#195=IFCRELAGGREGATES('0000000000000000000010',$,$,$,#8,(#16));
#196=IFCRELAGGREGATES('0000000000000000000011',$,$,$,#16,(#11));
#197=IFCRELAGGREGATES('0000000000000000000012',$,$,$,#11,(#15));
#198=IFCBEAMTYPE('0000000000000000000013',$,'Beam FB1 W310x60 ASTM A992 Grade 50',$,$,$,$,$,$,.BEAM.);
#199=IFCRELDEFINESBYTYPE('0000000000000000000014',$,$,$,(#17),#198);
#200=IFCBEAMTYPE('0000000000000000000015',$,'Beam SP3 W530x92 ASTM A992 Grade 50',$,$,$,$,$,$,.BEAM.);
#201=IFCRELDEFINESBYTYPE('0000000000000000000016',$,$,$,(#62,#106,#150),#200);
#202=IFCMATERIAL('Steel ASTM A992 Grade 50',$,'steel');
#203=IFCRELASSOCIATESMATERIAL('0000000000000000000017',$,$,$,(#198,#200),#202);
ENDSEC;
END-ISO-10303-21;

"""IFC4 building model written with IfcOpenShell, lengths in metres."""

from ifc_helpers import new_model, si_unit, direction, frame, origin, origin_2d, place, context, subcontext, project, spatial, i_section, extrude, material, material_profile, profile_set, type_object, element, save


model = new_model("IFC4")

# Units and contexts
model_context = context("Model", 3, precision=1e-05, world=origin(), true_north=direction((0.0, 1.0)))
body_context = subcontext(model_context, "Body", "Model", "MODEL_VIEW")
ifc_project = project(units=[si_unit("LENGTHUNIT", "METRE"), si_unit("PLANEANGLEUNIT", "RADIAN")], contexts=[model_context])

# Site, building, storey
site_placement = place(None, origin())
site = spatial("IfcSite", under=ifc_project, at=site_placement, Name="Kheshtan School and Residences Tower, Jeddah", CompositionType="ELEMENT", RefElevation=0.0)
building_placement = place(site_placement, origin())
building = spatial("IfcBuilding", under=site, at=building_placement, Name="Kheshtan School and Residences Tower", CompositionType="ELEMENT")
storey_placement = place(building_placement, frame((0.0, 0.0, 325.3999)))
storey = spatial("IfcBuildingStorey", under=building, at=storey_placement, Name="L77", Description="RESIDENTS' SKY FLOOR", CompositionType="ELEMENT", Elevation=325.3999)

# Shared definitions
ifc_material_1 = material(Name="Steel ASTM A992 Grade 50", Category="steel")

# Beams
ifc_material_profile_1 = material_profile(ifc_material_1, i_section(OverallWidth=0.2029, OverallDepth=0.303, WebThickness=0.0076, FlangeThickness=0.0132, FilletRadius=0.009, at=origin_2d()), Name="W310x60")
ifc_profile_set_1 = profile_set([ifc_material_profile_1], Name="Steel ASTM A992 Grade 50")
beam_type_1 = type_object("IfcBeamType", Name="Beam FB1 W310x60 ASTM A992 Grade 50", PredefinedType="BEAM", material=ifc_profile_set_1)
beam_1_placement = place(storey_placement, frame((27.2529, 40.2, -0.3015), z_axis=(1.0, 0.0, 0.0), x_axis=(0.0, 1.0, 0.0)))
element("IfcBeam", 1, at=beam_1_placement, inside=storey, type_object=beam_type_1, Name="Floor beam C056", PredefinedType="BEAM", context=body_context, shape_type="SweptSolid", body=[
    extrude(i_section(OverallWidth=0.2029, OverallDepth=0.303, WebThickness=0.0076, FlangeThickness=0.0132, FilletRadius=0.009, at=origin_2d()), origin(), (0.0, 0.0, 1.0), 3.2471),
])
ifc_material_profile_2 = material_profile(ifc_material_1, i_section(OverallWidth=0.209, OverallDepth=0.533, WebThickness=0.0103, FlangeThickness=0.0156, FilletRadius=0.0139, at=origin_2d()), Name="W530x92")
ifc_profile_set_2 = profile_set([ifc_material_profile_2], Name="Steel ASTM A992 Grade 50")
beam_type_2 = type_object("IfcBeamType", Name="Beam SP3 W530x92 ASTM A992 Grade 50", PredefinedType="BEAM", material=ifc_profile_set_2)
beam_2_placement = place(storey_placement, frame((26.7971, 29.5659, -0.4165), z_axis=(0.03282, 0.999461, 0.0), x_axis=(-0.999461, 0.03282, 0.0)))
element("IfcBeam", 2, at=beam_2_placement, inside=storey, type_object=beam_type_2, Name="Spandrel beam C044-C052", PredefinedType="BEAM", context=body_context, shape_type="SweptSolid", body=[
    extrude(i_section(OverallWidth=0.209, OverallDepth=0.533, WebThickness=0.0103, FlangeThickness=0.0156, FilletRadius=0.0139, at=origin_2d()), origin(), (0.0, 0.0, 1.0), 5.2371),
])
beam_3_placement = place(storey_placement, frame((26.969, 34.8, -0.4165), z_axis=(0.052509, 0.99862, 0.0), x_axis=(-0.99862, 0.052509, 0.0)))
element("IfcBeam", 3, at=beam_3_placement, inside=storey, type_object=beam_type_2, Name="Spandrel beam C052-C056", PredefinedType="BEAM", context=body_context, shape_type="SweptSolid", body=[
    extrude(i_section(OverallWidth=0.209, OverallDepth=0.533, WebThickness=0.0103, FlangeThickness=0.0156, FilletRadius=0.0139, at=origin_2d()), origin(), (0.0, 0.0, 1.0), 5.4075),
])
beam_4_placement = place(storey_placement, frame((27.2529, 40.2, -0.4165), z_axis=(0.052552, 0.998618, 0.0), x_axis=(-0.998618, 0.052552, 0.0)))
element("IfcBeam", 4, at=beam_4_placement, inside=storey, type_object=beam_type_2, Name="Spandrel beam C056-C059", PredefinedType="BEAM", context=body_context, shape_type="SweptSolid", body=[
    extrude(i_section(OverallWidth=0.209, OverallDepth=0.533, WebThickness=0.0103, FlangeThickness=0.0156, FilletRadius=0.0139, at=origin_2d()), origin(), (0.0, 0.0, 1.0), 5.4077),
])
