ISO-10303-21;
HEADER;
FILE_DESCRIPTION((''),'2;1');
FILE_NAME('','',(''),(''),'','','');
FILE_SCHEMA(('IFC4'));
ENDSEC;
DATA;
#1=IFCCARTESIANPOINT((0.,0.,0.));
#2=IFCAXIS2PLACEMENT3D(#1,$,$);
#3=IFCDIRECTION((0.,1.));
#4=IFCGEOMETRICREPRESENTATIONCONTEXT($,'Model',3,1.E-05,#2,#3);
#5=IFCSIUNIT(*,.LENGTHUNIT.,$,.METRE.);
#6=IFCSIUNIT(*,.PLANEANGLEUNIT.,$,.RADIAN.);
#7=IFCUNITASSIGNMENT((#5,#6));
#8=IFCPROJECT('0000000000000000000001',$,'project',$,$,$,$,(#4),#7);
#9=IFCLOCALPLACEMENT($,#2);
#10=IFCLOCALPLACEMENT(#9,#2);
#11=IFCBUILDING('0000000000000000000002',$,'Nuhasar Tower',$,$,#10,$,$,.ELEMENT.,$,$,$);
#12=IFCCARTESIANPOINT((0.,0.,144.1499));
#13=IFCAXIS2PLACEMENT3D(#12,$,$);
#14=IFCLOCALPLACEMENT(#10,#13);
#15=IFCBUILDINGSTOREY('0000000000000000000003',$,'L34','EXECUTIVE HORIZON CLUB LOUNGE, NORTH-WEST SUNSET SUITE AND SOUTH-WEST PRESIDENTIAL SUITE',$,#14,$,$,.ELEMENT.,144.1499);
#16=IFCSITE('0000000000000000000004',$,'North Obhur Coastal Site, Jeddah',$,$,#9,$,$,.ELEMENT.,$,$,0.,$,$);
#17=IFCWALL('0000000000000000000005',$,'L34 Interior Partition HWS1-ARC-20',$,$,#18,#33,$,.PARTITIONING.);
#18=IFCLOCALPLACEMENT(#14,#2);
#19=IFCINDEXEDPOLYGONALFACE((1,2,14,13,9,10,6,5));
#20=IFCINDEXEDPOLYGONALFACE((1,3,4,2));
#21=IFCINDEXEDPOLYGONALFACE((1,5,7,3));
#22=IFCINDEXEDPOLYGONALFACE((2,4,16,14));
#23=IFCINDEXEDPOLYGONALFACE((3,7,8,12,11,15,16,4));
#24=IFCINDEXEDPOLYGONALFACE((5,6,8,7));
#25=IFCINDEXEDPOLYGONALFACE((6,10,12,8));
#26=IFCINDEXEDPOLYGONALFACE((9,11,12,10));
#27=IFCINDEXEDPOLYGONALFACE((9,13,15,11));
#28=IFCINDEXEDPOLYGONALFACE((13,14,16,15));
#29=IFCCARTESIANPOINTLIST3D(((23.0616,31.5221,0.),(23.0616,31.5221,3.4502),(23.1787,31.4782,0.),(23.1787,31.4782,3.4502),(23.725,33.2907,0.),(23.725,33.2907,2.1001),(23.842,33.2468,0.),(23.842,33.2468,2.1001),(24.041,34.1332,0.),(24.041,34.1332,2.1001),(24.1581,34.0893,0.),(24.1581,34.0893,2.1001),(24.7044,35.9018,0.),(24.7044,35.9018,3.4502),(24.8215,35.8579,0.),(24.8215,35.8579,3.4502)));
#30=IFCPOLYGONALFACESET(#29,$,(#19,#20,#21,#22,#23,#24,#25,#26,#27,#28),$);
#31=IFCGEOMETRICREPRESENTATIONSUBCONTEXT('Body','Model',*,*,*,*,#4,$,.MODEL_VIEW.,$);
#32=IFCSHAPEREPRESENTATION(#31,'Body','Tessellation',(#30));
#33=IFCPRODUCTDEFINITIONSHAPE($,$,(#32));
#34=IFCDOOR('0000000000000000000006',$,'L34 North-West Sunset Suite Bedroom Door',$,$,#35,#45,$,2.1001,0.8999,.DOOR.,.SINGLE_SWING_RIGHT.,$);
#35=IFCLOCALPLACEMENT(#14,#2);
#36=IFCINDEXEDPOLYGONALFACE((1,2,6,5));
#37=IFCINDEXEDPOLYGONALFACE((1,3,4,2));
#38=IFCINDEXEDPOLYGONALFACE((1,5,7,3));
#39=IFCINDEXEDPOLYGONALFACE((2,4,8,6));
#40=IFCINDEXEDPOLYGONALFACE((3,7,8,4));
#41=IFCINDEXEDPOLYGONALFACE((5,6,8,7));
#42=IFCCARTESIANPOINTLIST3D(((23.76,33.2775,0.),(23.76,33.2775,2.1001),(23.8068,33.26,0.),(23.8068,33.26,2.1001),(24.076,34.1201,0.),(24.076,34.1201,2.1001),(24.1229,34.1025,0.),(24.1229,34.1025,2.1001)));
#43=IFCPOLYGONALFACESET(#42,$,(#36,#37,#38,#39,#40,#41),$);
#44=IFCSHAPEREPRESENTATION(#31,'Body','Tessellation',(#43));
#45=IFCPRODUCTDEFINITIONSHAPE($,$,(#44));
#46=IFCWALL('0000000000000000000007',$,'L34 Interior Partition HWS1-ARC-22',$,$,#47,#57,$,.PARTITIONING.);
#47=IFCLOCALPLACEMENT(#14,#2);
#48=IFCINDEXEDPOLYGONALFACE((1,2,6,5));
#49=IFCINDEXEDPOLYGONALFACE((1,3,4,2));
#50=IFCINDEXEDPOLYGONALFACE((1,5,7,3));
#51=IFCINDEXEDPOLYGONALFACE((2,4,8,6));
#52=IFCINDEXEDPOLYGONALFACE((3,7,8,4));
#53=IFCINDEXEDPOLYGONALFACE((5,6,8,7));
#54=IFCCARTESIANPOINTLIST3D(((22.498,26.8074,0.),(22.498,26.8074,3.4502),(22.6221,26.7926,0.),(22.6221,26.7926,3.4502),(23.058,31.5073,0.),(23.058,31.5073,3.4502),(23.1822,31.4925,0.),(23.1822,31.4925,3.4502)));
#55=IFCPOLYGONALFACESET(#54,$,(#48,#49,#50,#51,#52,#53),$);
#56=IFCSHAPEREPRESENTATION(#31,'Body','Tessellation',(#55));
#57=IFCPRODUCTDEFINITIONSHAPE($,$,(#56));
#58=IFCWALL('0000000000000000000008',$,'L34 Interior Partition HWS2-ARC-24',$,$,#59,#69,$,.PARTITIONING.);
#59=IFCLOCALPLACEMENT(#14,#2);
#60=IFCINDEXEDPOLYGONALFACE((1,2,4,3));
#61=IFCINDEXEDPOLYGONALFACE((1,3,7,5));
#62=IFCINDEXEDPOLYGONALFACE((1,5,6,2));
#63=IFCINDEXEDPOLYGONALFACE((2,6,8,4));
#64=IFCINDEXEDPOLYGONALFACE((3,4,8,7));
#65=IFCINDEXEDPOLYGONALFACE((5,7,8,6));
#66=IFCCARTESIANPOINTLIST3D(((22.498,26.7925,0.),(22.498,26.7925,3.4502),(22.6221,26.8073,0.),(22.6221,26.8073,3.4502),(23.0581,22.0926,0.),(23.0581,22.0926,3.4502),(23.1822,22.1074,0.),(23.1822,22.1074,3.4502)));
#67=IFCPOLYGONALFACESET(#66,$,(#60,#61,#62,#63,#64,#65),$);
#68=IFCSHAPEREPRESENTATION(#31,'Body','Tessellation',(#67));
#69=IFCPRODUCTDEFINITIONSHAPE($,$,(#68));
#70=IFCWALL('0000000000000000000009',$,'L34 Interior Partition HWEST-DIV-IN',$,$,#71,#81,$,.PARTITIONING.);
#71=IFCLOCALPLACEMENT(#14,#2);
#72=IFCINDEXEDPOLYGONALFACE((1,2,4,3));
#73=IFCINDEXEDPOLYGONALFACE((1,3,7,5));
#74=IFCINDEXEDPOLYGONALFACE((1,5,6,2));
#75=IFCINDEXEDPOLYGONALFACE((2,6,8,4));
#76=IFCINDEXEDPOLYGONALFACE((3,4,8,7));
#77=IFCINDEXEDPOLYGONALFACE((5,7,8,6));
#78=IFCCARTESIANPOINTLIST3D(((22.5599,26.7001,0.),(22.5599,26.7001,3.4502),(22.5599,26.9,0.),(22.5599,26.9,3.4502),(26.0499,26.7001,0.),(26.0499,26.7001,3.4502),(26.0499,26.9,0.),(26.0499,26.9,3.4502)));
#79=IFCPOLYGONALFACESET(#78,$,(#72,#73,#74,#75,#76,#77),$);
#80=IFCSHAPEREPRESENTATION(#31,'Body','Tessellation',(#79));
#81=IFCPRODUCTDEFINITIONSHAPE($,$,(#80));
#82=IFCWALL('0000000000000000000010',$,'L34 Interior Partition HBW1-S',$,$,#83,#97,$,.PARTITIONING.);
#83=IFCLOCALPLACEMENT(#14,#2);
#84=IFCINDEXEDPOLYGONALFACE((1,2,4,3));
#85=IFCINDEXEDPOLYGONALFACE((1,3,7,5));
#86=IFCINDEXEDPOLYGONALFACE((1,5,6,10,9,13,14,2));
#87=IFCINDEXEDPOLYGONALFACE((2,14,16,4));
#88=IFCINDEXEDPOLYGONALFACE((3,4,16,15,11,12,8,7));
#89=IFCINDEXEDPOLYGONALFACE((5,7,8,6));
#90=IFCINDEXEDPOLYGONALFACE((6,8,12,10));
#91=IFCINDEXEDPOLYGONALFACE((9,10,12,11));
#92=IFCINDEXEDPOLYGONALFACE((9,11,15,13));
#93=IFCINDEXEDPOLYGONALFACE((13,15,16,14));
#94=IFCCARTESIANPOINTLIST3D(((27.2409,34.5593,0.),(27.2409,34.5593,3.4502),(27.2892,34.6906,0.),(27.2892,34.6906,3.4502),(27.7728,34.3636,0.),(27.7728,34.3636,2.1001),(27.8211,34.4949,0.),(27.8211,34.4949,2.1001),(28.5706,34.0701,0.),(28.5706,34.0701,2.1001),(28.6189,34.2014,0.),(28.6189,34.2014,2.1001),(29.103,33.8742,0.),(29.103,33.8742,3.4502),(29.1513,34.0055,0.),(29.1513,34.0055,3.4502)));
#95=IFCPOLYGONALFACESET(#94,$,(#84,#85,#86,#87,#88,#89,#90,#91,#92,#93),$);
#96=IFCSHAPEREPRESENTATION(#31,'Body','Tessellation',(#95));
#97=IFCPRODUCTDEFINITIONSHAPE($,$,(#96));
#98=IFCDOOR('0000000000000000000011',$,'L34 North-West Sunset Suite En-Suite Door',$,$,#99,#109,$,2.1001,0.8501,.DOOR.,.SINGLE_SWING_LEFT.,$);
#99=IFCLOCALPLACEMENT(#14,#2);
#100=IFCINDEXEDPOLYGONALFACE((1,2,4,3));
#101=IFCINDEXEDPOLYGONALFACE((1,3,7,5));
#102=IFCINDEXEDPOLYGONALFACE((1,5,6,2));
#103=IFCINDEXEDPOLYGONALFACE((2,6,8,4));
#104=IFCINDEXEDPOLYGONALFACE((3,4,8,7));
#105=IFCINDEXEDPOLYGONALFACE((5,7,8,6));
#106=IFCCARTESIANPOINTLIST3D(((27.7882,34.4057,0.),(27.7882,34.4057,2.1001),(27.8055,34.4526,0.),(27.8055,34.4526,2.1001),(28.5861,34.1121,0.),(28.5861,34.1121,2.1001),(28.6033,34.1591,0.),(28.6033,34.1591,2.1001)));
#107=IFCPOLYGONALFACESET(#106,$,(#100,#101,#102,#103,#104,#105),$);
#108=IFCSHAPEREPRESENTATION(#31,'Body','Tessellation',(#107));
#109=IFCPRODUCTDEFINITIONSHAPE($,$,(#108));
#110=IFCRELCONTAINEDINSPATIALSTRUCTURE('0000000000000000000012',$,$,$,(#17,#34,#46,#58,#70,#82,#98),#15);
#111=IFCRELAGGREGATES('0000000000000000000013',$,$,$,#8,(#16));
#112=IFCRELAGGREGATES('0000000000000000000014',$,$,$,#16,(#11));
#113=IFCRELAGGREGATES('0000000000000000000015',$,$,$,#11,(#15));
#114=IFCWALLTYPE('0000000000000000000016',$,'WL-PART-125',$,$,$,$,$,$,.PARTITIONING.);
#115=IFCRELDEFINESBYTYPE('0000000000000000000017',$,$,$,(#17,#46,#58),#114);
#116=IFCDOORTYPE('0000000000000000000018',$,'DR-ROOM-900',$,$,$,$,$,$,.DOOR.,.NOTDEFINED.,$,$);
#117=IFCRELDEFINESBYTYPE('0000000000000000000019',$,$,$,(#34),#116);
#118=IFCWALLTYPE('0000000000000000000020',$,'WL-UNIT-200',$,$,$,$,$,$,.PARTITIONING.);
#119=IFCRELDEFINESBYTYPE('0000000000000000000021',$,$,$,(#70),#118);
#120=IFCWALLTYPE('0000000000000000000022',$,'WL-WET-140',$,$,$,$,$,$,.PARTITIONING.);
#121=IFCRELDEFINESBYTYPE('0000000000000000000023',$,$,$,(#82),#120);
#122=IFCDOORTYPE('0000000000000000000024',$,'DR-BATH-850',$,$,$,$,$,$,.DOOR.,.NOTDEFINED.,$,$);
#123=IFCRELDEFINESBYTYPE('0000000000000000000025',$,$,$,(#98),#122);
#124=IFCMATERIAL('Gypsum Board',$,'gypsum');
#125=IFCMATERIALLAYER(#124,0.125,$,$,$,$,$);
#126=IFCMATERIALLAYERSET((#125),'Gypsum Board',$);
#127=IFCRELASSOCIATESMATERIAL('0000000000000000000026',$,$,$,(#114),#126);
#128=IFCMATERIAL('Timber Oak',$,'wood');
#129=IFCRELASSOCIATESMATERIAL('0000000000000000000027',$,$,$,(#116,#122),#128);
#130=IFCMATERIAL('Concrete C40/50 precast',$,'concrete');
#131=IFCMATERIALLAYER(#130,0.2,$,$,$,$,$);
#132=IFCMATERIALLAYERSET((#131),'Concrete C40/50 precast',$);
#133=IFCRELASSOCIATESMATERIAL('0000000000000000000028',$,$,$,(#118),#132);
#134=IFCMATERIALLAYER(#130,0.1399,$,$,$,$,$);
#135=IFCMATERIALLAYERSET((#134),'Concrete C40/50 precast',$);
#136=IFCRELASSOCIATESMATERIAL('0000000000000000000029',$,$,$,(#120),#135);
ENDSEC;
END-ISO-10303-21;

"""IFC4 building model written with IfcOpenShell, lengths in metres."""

from ifc_helpers import new_model, si_unit, direction, frame, frame_2d, origin, place, context, subcontext, project, spatial, rectangle, extrude, material, layer, layer_set, type_object, element, fill, save


model = new_model("IFC4")

# Units and contexts
model_context = context("Model", 3, precision=1e-05, world=origin(), true_north=direction((0.0, 1.0)))
body_context = subcontext(model_context, "Body", "Model", "MODEL_VIEW")
ifc_project = project(units=[si_unit("LENGTHUNIT", "METRE"), si_unit("PLANEANGLEUNIT", "RADIAN")], contexts=[model_context])

# Site, building, storey
site_placement = place(None, origin())
site = spatial("IfcSite", under=ifc_project, at=site_placement, Name="North Obhur Coastal Site, Jeddah", CompositionType="ELEMENT", RefElevation=0.0)
building_placement = place(site_placement, origin())
building = spatial("IfcBuilding", under=site, at=building_placement, Name="Nuhasar Tower", CompositionType="ELEMENT")
storey_placement = place(building_placement, frame((0.0, 0.0, 144.1499)))
storey = spatial("IfcBuildingStorey", under=building, at=storey_placement, Name="L34", Description="EXECUTIVE HORIZON CLUB LOUNGE, NORTH-WEST SUNSET SUITE AND SOUTH-WEST PRESIDENTIAL SUITE", CompositionType="ELEMENT", Elevation=144.1499)

# Shared definitions
ifc_material_1 = material(Name="Gypsum Board", Category="gypsum")

# Shared definitions
ifc_material_2 = material(Name="Timber Oak", Category="wood")

# Shared definitions
ifc_layer_1 = layer(ifc_material_1, 0.125)
ifc_layer_set_1 = layer_set([ifc_layer_1], Name="Gypsum Board")
wall_type_1 = type_object("IfcWallType", Name="WL-PART-125", PredefinedType="PARTITIONING", material=ifc_layer_set_1)

# Wall, opening, door
wall_1_placement = place(storey_placement, frame((24.7629, 35.8799, 0.0), z_axis=(0.0, 0.0, 1.0), x_axis=(-0.351192, -0.936303, 0.0)))
wall_1 = element("IfcWall", 1, at=wall_1_placement, inside=storey, type_object=wall_type_1, Name="L34 Interior Partition HWS1-ARC-20", PredefinedType="PARTITIONING", context=body_context, shape_type="SweptSolid", body=[
    extrude(rectangle(XDim=4.6777, YDim=0.125, at=frame_2d((2.3389, 0.0))), origin(), (0.0, 0.0, 1.0), 3.4502),
])
opening_1_placement = place(wall_1_placement, frame((1.8889, 0.0, 0.0)))
opening_1 = element("IfcOpeningElement", 2, at=opening_1_placement, cuts=wall_1, PredefinedType="OPENING", context=body_context, shape_type="SweptSolid", body=[
    extrude(rectangle(XDim=0.8999, YDim=2.1001, at=frame_2d((0.45, 1.05))), frame((0.0, 0.0725, 0.0), z_axis=(0.0, -1.0, 0.0), x_axis=(1.0, 0.0, 0.0)), (0.0, 0.0, 1.0), 0.145),
])
door_type_1 = type_object("IfcDoorType", Name="DR-ROOM-900", OperationType="NOTDEFINED", PredefinedType="DOOR", material=ifc_material_2)
door_1_placement = place(opening_1_placement, origin())
door_1 = element("IfcDoor", 3, at=door_1_placement, inside=storey, type_object=door_type_1, Name="L34 North-West Sunset Suite Bedroom Door", OperationType="SINGLE_SWING_RIGHT", OverallHeight=2.1001, OverallWidth=0.8999, PredefinedType="DOOR", context=body_context, shape_type="SweptSolid", body=[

----------

### Goal of the exercise
Where the data above reaches the line holding "#99=IFCLOCALPLACEMENT(#14,#2);", begin printing, and stop after the line holding "#109=IFCPRODUCTDEFINITIONSHAPE($,$,(#108));". Each line must be reproduced exactly, with nothing else added.

### The completed task
#99=IFCLOCALPLACEMENT(#14,#2);
#100=IFCINDEXEDPOLYGONALFACE((1,2,4,3));
#101=IFCINDEXEDPOLYGONALFACE((1,3,7,5));
#102=IFCINDEXEDPOLYGONALFACE((1,5,6,2));
#103=IFCINDEXEDPOLYGONALFACE((2,6,8,4));
#104=IFCINDEXEDPOLYGONALFACE((3,4,8,7));
#105=IFCINDEXEDPOLYGONALFACE((5,7,8,6));
#106=IFCCARTESIANPOINTLIST3D(((27.7882,34.4057,0.),(27.7882,34.4057,2.1001),(27.8055,34.4526,0.),(27.8055,34.4526,2.1001),(28.5861,34.1121,0.),(28.5861,34.1121,2.1001),(28.6033,34.1591,0.),(28.6033,34.1591,2.1001)));
#107=IFCPOLYGONALFACESET(#106,$,(#100,#101,#102,#103,#104,#105),$);
#108=IFCSHAPEREPRESENTATION(#31,'Body','Tessellation',(#107));
#109=IFCPRODUCTDEFINITIONSHAPE($,$,(#108));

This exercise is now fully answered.